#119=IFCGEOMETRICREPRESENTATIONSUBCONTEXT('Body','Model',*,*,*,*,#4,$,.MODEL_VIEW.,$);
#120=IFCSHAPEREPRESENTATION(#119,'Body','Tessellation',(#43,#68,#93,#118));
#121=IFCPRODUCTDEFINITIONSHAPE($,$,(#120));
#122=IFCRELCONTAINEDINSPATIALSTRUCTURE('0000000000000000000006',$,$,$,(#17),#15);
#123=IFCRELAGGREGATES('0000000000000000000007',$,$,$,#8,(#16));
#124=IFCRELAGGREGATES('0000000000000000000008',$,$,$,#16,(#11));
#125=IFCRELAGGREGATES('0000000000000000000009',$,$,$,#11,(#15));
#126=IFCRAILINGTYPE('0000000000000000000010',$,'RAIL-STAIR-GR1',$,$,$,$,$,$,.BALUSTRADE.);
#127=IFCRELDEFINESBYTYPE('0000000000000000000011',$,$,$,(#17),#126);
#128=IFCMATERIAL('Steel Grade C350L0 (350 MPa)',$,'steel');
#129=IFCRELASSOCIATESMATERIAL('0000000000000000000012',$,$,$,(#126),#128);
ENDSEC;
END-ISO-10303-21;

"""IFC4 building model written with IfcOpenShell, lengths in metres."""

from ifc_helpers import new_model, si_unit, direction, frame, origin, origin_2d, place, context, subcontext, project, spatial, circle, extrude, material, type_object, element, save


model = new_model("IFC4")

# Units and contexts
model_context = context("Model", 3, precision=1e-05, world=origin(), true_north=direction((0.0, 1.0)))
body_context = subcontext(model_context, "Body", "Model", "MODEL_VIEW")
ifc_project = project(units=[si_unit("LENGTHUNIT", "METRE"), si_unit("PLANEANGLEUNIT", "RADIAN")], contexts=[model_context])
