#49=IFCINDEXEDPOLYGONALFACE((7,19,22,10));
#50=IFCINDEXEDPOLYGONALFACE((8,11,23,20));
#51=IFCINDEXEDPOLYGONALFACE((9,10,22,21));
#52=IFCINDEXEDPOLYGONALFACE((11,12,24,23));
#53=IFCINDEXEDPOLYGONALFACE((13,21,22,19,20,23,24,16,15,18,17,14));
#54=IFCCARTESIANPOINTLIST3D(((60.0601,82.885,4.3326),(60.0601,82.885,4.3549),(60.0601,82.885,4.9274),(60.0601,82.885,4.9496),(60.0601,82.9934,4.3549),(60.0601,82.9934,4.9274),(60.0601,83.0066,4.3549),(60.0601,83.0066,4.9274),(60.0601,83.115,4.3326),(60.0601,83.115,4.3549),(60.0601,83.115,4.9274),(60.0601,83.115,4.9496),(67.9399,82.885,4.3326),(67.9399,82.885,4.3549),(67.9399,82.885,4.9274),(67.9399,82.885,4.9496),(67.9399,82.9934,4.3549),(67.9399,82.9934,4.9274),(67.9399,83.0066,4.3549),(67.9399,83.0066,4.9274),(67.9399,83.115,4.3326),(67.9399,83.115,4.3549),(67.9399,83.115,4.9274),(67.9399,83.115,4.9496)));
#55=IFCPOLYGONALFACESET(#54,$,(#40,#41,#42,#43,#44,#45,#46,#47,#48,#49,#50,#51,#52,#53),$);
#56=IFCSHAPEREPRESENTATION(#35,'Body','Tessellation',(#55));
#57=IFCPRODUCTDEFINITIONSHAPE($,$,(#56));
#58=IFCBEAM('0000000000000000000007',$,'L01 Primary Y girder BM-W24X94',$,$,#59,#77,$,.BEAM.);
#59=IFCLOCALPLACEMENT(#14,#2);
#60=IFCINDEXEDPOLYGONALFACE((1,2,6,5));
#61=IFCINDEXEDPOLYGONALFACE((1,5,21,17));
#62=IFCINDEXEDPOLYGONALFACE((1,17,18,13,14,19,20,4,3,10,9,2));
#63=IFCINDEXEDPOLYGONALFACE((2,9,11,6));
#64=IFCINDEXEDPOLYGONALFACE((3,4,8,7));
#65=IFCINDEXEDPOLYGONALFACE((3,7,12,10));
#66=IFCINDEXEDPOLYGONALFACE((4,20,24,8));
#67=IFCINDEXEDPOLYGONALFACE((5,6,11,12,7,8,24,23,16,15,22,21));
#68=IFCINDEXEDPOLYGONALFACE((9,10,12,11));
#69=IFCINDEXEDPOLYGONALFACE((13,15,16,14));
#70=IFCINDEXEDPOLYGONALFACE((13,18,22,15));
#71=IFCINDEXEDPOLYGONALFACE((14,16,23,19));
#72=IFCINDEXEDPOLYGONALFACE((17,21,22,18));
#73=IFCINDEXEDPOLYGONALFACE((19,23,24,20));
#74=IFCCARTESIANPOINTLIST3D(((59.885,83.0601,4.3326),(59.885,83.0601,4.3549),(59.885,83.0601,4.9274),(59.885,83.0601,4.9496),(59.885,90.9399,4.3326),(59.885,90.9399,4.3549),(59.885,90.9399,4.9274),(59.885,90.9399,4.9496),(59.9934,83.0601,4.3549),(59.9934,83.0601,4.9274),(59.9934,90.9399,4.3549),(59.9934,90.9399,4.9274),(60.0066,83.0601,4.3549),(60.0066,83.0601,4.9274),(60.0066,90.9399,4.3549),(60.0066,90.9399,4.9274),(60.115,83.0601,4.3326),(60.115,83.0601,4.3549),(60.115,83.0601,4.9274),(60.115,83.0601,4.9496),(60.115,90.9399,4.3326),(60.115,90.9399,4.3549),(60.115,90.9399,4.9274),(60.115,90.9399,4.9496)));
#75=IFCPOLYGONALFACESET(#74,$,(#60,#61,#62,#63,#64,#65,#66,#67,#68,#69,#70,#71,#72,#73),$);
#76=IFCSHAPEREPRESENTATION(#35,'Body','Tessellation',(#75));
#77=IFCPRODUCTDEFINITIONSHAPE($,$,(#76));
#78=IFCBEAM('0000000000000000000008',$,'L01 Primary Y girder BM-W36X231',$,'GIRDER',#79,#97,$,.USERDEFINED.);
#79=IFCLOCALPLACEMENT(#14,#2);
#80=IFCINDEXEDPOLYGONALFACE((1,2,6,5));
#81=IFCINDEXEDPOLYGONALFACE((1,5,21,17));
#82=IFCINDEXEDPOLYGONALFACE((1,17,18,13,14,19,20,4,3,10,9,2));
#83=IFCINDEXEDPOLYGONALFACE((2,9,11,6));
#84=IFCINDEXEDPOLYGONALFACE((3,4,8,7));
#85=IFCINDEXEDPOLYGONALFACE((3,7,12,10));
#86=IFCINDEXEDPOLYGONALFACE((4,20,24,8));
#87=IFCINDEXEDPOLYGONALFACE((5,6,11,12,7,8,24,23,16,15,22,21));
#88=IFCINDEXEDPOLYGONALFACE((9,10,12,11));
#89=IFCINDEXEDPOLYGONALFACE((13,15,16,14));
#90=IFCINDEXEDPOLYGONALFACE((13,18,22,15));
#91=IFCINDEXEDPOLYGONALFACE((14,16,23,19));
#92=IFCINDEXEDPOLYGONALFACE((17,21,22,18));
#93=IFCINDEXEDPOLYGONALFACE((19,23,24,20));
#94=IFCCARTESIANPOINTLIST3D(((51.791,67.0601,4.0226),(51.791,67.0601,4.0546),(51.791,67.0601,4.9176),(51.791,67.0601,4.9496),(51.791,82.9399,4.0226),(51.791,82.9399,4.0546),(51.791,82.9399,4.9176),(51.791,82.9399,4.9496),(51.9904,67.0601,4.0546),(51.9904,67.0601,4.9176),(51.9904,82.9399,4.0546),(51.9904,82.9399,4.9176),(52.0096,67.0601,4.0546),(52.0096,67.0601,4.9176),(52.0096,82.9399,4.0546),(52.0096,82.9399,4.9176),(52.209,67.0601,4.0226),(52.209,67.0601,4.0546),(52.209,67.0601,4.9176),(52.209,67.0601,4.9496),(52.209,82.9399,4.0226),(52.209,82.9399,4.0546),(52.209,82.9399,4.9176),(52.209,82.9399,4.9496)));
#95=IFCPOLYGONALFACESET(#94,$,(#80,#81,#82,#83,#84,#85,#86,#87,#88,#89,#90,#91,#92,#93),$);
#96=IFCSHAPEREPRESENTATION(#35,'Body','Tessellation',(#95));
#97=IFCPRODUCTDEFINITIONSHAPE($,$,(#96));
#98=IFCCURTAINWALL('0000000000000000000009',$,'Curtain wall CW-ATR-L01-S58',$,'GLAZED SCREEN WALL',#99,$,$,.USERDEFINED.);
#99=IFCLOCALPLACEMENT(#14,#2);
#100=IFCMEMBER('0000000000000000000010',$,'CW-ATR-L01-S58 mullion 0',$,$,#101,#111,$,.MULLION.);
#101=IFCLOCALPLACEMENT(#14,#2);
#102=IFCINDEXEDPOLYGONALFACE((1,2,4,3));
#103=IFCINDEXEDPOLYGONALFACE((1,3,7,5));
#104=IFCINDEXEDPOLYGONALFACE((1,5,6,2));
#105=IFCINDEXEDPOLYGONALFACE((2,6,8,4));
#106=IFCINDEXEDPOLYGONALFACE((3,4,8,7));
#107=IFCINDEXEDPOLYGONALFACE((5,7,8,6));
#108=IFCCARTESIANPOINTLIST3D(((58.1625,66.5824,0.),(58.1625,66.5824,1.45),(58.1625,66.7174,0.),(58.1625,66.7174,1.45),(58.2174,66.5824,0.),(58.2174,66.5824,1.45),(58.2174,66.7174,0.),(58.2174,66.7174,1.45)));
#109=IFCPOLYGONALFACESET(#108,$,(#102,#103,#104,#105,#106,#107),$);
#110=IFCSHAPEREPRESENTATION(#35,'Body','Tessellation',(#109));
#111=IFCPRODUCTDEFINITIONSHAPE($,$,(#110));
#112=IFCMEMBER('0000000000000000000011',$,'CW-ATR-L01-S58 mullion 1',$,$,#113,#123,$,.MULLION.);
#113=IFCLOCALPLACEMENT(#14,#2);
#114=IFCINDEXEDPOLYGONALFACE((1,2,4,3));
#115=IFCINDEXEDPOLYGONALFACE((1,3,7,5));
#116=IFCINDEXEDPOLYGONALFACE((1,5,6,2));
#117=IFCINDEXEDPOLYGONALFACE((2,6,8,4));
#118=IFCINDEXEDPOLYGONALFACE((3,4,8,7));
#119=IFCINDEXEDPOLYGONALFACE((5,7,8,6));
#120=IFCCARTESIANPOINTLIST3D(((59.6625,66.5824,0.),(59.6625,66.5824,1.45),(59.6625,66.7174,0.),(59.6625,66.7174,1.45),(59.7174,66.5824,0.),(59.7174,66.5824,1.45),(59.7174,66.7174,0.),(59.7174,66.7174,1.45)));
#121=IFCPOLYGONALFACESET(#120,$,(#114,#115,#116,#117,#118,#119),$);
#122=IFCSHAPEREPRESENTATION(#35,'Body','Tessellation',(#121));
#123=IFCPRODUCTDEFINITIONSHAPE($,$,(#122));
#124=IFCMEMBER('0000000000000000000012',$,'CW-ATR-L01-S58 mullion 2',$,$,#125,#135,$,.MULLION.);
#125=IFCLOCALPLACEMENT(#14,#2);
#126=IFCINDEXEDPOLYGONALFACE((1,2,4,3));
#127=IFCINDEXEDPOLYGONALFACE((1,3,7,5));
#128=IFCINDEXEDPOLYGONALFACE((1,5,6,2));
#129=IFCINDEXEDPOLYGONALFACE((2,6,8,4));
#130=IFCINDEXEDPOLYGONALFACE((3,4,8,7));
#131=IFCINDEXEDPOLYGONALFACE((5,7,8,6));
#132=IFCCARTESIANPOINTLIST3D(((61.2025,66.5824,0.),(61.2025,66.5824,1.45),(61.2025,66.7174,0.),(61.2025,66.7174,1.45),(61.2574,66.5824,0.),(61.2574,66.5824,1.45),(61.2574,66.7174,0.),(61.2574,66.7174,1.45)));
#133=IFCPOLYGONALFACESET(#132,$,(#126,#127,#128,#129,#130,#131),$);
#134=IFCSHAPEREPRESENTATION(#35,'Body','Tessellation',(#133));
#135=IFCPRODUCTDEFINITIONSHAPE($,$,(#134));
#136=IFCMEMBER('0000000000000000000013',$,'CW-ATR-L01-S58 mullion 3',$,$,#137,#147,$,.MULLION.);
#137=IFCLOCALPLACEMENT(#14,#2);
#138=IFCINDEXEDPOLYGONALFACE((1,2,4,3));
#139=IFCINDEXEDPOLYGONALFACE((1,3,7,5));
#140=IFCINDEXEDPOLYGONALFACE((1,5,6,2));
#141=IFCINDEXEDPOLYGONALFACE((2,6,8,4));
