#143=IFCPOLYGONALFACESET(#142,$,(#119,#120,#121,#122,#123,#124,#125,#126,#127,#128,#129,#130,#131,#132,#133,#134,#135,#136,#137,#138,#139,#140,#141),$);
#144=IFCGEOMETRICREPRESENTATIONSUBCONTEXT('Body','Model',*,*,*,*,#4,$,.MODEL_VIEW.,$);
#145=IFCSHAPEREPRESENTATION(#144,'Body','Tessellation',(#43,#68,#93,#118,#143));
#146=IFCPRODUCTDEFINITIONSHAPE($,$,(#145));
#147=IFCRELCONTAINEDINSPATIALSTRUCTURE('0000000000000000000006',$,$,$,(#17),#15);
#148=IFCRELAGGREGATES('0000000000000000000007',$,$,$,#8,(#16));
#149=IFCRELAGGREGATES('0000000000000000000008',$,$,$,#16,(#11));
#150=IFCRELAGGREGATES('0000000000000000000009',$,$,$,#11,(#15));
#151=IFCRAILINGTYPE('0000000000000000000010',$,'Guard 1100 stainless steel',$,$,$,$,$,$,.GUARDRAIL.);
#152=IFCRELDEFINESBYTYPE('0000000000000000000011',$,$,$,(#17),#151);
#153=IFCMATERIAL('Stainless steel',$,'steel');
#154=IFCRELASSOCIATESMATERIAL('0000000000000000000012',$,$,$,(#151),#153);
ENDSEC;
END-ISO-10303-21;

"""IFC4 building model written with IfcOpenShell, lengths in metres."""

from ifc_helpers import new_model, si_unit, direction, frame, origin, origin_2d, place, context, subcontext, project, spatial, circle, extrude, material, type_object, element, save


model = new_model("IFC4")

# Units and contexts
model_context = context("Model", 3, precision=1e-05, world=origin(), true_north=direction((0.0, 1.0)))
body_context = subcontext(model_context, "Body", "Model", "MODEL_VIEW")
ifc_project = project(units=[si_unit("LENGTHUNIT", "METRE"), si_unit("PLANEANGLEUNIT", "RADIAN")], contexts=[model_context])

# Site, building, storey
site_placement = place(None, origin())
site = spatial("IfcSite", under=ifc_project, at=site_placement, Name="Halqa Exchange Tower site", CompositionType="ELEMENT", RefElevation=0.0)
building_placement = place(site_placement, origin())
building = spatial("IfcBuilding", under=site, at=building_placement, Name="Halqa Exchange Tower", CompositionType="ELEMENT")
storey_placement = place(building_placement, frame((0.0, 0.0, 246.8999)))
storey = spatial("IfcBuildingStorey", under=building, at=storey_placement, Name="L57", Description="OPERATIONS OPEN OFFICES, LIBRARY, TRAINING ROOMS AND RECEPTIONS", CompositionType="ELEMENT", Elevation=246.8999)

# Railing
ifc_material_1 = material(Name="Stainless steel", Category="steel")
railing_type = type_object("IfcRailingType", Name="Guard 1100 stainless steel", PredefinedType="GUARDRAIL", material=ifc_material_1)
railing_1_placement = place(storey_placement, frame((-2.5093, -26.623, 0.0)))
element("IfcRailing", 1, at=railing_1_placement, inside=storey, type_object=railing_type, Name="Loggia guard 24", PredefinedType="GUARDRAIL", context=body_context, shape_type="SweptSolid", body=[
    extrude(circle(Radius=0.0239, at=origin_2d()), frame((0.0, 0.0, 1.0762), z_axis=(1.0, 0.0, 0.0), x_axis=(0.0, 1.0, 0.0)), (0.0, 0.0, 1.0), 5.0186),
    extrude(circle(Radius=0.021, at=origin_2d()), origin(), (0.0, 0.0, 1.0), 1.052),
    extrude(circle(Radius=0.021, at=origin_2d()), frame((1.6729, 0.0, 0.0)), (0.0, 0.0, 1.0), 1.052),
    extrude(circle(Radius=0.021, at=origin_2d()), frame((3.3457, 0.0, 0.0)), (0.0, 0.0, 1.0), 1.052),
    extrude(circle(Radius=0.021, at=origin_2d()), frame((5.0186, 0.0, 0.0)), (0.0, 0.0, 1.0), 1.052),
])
----------
YOUR OBJECTIVE => Output the lines above exactly, but only those between the line holding "#66=IFCINDEXEDPOLYGONALFACE((4,20,24,8));" and the line holding "#73=IFCINDEXEDPOLYGONALFACE((19,23,24,20));", inclusive.

RESULT FOR THIS EXERCISE =>
#66=IFCINDEXEDPOLYGONALFACE((4,20,24,8));
#67=IFCINDEXEDPOLYGONALFACE((5,6,11,12,7,8,24,23,16,15,22,21));
#68=IFCINDEXEDPOLYGONALFACE((9,10,12,11));
#69=IFCINDEXEDPOLYGONALFACE((13,15,16,14));
#70=IFCINDEXEDPOLYGONALFACE((13,18,22,15));
#71=IFCINDEXEDPOLYGONALFACE((14,16,23,19));
#72=IFCINDEXEDPOLYGONALFACE((17,21,22,18));
#73=IFCINDEXEDPOLYGONALFACE((19,23,24,20));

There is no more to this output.